BEGIN Data for this task

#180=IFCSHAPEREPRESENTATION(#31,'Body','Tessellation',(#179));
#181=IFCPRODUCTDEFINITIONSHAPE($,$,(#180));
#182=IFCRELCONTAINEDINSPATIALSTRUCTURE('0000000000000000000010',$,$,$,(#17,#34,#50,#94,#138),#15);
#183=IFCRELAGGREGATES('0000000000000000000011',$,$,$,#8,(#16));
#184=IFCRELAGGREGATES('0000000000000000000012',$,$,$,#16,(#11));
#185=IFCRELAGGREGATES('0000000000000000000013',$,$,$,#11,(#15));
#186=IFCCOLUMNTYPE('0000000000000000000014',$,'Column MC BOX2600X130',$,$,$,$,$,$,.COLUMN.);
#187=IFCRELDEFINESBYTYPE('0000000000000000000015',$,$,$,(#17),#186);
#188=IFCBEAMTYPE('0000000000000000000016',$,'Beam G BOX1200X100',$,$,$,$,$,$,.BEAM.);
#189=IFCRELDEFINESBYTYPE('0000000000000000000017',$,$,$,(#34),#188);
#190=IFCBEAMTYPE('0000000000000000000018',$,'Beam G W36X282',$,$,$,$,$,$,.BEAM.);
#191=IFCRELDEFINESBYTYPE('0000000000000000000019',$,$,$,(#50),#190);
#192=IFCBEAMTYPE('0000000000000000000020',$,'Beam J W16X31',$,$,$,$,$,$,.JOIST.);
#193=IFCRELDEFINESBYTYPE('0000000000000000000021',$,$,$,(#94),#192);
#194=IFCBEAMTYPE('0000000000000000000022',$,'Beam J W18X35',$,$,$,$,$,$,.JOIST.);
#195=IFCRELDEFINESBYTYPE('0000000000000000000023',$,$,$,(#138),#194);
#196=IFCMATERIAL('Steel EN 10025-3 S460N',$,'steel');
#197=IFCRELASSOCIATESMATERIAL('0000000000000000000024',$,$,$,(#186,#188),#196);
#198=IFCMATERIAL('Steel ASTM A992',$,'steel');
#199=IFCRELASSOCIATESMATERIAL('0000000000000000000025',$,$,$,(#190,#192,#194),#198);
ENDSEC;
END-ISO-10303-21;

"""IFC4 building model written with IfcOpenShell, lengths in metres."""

END Data for this task

Given the word "Steel", show every line of the records that contains it.

Result of the exercise
#196=IFCMATERIAL('Steel EN 10025-3 S460N',$,'steel');
#198=IFCMATERIAL('Steel ASTM A992',$,'steel');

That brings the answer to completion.